__EXERCISE INSTRUCTIONS__
The material below holds a span beginning at the line with "curtain_wall_2_placement = place(storey_placement, origin())" and ending at the line with "0.0298), z_axis=(1.0, 0.0, 0.0), x_axis=(0.0, 1.0, 0.0)))". Quote that span exactly, both ends included, and only that span.

__RECORDS SUPPLIED__
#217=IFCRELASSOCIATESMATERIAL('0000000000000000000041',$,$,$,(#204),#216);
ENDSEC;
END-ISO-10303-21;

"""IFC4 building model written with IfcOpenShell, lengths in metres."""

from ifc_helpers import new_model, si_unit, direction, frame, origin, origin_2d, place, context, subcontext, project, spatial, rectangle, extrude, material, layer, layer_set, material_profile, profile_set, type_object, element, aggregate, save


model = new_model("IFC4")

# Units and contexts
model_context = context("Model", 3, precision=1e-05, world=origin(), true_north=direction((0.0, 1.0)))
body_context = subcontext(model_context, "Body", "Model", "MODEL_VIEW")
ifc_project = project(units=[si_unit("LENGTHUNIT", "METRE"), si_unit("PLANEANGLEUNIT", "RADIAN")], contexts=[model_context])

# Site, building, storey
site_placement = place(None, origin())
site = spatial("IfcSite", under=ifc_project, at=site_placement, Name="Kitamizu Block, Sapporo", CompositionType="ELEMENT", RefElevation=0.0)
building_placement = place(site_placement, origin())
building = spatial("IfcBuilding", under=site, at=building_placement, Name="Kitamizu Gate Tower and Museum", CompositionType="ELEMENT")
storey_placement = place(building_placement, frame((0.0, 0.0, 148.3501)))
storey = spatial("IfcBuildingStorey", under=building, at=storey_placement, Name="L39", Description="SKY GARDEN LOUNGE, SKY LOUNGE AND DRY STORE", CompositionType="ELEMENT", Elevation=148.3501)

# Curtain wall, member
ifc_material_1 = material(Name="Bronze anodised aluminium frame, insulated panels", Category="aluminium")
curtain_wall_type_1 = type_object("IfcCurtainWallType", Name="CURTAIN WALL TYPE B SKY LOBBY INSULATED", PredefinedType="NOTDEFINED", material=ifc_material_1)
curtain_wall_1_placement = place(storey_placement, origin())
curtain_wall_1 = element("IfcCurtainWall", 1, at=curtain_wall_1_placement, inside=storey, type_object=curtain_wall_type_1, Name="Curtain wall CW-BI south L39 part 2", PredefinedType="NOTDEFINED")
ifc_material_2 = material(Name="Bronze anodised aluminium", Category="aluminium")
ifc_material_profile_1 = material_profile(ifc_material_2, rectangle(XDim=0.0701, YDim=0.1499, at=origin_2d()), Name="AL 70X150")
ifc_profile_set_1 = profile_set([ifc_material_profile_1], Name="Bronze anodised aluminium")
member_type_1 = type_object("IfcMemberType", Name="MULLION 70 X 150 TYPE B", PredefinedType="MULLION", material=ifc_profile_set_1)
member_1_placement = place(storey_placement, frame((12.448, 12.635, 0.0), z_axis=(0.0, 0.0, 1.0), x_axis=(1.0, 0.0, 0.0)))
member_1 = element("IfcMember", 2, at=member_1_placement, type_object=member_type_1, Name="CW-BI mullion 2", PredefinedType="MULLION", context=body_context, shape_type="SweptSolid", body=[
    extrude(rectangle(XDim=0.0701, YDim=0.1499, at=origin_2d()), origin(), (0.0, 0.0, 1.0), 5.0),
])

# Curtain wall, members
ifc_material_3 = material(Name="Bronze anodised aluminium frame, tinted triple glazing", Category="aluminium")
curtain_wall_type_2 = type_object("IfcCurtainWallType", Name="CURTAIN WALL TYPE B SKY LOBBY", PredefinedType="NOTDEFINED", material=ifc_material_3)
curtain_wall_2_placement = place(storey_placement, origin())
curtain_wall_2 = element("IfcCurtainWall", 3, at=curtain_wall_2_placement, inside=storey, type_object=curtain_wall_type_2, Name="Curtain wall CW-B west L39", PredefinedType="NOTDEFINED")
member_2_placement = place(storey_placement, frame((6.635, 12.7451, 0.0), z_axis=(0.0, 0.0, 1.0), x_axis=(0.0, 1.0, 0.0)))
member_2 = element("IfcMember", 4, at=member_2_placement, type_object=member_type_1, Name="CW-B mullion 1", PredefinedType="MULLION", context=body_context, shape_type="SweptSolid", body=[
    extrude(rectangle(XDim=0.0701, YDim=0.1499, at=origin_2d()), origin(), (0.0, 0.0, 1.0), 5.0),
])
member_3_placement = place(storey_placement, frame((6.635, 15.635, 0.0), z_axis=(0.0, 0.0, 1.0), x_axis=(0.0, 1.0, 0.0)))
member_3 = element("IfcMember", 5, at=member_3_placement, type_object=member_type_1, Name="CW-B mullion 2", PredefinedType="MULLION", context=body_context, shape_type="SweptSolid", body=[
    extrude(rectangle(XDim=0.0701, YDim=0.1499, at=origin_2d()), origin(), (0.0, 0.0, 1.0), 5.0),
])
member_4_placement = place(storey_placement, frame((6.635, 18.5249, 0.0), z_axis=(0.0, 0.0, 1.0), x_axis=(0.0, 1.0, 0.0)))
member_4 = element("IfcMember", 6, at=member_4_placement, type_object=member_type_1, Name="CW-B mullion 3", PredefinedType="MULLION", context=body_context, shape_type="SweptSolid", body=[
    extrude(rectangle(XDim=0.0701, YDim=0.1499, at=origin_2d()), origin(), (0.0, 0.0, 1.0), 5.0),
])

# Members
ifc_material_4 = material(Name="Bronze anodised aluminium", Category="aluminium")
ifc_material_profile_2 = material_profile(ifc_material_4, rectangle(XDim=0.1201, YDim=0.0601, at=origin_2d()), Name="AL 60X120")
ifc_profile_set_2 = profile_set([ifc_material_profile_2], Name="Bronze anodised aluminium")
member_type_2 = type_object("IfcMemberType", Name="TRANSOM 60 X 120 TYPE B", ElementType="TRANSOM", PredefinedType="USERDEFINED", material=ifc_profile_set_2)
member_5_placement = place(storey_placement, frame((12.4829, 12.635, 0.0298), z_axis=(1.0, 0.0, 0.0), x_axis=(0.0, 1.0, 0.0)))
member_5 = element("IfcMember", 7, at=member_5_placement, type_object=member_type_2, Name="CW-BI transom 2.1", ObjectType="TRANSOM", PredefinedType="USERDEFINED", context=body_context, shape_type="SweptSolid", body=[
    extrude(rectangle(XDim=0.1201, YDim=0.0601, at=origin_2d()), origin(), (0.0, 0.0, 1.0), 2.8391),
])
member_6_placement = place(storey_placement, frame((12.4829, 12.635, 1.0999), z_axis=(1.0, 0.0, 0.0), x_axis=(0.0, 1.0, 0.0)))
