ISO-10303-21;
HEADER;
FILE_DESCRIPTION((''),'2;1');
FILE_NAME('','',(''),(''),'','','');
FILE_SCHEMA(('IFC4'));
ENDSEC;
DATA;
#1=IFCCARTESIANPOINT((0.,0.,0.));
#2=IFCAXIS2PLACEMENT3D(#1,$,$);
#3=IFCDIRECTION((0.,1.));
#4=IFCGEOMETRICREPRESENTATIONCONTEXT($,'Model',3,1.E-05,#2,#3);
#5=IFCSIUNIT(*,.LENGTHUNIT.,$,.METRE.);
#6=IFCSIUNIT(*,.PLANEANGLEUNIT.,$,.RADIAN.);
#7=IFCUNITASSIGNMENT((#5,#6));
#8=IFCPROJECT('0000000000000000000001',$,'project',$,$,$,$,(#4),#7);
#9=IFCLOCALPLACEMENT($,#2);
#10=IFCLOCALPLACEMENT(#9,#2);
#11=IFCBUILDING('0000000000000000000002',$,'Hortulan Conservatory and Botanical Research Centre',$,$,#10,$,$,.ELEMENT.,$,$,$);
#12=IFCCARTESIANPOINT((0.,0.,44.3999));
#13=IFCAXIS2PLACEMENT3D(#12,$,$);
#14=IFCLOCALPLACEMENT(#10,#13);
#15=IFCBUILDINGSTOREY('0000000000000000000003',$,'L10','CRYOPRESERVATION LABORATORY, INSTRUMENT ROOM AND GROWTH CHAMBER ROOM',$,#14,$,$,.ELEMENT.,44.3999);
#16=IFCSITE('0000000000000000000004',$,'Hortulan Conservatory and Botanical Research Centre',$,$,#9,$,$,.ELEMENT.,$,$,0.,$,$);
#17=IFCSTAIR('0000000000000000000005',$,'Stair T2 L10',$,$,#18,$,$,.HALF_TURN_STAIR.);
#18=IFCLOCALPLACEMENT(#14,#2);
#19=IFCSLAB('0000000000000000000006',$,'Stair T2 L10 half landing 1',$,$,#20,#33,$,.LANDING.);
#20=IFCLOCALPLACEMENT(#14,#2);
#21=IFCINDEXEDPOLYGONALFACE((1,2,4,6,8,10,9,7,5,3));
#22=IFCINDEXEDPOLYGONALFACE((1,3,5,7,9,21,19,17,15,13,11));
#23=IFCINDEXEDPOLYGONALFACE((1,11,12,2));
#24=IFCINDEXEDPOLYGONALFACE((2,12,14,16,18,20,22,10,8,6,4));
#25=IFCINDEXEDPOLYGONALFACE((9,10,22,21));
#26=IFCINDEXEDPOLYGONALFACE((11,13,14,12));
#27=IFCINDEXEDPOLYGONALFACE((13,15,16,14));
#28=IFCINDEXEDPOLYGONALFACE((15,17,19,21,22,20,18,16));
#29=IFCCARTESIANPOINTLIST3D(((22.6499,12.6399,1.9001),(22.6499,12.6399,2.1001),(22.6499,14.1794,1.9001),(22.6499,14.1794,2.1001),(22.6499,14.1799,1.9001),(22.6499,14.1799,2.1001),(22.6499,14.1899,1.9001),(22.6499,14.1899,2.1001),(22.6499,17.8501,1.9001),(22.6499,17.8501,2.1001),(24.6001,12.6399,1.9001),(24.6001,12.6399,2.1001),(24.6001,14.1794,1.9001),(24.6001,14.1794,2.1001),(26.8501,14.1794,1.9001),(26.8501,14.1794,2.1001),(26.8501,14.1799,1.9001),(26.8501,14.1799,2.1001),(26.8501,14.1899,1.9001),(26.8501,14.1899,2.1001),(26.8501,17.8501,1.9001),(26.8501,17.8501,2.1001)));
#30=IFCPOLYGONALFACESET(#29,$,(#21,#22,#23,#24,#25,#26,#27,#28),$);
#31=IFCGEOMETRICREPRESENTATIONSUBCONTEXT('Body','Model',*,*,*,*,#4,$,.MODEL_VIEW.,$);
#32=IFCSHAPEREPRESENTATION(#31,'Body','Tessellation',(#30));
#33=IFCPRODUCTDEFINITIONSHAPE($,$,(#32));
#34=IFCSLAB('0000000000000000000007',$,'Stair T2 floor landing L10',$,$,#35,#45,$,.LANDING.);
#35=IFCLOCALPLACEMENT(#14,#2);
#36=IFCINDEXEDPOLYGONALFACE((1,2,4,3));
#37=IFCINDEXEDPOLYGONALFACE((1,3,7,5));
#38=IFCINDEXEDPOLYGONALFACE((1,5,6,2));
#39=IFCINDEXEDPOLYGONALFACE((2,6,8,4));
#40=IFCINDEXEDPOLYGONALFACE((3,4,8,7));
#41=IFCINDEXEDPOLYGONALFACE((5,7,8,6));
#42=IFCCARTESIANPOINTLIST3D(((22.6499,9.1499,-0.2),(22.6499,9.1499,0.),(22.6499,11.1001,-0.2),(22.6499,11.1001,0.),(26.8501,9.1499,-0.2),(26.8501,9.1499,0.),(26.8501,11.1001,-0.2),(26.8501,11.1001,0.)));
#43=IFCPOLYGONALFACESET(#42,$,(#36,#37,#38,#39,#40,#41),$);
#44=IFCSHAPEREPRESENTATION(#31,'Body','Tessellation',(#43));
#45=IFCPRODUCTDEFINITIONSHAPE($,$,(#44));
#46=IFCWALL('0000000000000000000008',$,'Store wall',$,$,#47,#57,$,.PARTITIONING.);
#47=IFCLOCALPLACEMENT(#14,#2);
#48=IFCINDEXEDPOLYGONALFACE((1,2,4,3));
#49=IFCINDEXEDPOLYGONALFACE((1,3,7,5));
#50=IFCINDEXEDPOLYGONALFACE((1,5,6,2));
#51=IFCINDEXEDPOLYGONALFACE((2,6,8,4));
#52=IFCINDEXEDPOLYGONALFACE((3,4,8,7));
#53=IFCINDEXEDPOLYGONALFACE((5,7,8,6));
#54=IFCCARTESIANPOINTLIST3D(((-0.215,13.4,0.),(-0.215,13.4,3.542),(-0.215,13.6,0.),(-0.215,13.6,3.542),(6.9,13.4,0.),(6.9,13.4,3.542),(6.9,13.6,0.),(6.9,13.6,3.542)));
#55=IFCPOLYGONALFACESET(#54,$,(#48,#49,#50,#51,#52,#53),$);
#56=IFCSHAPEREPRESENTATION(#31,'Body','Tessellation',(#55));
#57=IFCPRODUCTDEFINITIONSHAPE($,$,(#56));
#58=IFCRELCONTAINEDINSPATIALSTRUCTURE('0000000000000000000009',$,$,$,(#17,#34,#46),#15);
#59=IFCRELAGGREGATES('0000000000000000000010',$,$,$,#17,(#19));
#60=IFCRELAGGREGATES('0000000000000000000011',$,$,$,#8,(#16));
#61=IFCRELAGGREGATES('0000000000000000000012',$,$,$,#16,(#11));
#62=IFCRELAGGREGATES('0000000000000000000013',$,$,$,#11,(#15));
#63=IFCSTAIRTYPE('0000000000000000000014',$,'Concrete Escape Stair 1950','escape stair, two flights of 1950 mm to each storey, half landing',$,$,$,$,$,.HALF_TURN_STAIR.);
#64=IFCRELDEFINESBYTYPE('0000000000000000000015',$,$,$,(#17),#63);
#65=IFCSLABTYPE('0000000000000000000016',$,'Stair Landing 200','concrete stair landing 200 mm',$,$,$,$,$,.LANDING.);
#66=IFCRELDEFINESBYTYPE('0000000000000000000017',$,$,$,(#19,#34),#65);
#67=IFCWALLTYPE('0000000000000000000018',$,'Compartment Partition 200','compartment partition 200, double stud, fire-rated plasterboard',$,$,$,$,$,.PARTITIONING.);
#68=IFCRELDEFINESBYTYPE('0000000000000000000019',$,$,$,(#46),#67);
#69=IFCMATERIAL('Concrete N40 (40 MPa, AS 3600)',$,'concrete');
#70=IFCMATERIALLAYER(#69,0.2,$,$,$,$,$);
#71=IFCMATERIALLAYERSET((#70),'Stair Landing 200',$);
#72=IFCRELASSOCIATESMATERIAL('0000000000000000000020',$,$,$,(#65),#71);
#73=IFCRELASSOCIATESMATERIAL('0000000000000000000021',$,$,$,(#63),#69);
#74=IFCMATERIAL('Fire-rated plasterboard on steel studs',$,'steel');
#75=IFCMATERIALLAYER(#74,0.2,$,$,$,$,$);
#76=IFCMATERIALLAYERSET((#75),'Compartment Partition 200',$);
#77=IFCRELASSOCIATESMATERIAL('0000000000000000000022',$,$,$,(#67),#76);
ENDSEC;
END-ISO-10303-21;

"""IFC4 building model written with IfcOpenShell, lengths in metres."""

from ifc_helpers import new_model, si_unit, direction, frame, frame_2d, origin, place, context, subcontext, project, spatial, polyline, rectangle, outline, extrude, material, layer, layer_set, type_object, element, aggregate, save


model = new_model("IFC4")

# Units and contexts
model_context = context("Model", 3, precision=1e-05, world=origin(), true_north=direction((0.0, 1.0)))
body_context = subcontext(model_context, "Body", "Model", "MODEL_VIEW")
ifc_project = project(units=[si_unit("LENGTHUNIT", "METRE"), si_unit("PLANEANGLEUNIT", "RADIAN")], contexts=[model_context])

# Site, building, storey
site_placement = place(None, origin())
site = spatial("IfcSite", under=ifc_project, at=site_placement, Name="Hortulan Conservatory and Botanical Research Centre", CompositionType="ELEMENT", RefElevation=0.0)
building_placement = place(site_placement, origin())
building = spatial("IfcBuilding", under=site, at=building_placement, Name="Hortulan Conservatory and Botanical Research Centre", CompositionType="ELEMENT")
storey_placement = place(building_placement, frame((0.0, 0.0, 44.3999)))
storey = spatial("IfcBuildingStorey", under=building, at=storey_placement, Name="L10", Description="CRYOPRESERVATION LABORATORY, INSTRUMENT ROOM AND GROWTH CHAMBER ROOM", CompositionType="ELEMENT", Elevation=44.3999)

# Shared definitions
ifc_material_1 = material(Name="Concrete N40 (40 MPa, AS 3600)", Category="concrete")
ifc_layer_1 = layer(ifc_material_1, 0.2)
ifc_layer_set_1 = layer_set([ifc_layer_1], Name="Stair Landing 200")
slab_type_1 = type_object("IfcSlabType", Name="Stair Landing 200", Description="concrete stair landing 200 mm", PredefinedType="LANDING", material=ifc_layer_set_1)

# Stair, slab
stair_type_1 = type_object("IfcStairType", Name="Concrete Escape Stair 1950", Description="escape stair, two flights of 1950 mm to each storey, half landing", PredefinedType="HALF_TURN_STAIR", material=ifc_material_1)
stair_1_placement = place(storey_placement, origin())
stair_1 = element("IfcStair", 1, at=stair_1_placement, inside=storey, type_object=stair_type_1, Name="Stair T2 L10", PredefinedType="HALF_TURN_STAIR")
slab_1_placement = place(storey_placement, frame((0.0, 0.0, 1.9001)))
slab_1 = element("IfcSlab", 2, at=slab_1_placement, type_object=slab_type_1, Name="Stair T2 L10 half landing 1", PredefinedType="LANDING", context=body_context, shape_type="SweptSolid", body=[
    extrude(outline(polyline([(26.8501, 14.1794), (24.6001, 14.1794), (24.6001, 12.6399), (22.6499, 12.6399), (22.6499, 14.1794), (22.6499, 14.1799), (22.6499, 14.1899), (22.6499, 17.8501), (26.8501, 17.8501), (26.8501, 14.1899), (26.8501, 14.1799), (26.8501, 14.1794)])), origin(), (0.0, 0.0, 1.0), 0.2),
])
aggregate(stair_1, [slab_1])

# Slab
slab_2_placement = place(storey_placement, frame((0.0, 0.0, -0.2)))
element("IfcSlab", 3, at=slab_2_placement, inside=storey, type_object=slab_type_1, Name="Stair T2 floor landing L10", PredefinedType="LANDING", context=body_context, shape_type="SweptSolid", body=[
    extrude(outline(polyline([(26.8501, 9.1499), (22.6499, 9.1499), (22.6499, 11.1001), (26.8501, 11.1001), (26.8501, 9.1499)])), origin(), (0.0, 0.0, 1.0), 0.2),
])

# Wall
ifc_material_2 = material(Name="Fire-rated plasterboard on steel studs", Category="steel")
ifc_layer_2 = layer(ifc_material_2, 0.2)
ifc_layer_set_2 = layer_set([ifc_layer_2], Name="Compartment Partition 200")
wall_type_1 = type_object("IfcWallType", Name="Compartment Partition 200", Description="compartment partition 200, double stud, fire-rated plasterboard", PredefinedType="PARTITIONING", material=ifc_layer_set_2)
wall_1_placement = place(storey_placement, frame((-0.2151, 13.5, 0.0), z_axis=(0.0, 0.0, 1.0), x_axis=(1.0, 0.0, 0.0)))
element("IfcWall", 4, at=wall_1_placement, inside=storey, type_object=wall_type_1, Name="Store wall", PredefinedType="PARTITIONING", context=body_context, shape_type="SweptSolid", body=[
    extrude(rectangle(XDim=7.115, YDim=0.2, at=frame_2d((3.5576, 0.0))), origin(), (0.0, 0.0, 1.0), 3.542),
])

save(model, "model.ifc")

__RESPONSE__
curtain_wall_2_placement = place(storey_placement, origin())
curtain_wall_2 = element("IfcCurtainWall", 3, at=curtain_wall_2_placement, inside=storey, type_object=curtain_wall_type_2, Name="Curtain wall CW-B west L39", PredefinedType="NOTDEFINED")
member_2_placement = place(storey_placement, frame((6.635, 12.7451, 0.0), z_axis=(0.0, 0.0, 1.0), x_axis=(0.0, 1.0, 0.0)))
member_2 = element("IfcMember", 4, at=member_2_placement, type_object=member_type_1, Name="CW-B mullion 1", PredefinedType="MULLION", context=body_context, shape_type="SweptSolid", body=[
    extrude(rectangle(XDim=0.0701, YDim=0.1499, at=origin_2d()), origin(), (0.0, 0.0, 1.0), 5.0),
])
member_3_placement = place(storey_placement, frame((6.635, 15.635, 0.0), z_axis=(0.0, 0.0, 1.0), x_axis=(0.0, 1.0, 0.0)))
member_3 = element("IfcMember", 5, at=member_3_placement, type_object=member_type_1, Name="CW-B mullion 2", PredefinedType="MULLION", context=body_context, shape_type="SweptSolid", body=[
    extrude(rectangle(XDim=0.0701, YDim=0.1499, at=origin_2d()), origin(), (0.0, 0.0, 1.0), 5.0),
])
member_4_placement = place(storey_placement, frame((6.635, 18.5249, 0.0), z_axis=(0.0, 0.0, 1.0), x_axis=(0.0, 1.0, 0.0)))
member_4 = element("IfcMember", 6, at=member_4_placement, type_object=member_type_1, Name="CW-B mullion 3", PredefinedType="MULLION", context=body_context, shape_type="SweptSolid", body=[
    extrude(rectangle(XDim=0.0701, YDim=0.1499, at=origin_2d()), origin(), (0.0, 0.0, 1.0), 5.0),
])

# Members
ifc_material_4 = material(Name="Bronze anodised aluminium", Category="aluminium")
ifc_material_profile_2 = material_profile(ifc_material_4, rectangle(XDim=0.1201, YDim=0.0601, at=origin_2d()), Name="AL 60X120")
ifc_profile_set_2 = profile_set([ifc_material_profile_2], Name="Bronze anodised aluminium")
member_type_2 = type_object("IfcMemberType", Name="TRANSOM 60 X 120 TYPE B", ElementType="TRANSOM", PredefinedType="USERDEFINED", material=ifc_profile_set_2)
member_5_placement = place(storey_placement, frame((12.4829, 12.635, 0.0298), z_axis=(1.0, 0.0, 0.0), x_axis=(0.0, 1.0, 0.0)))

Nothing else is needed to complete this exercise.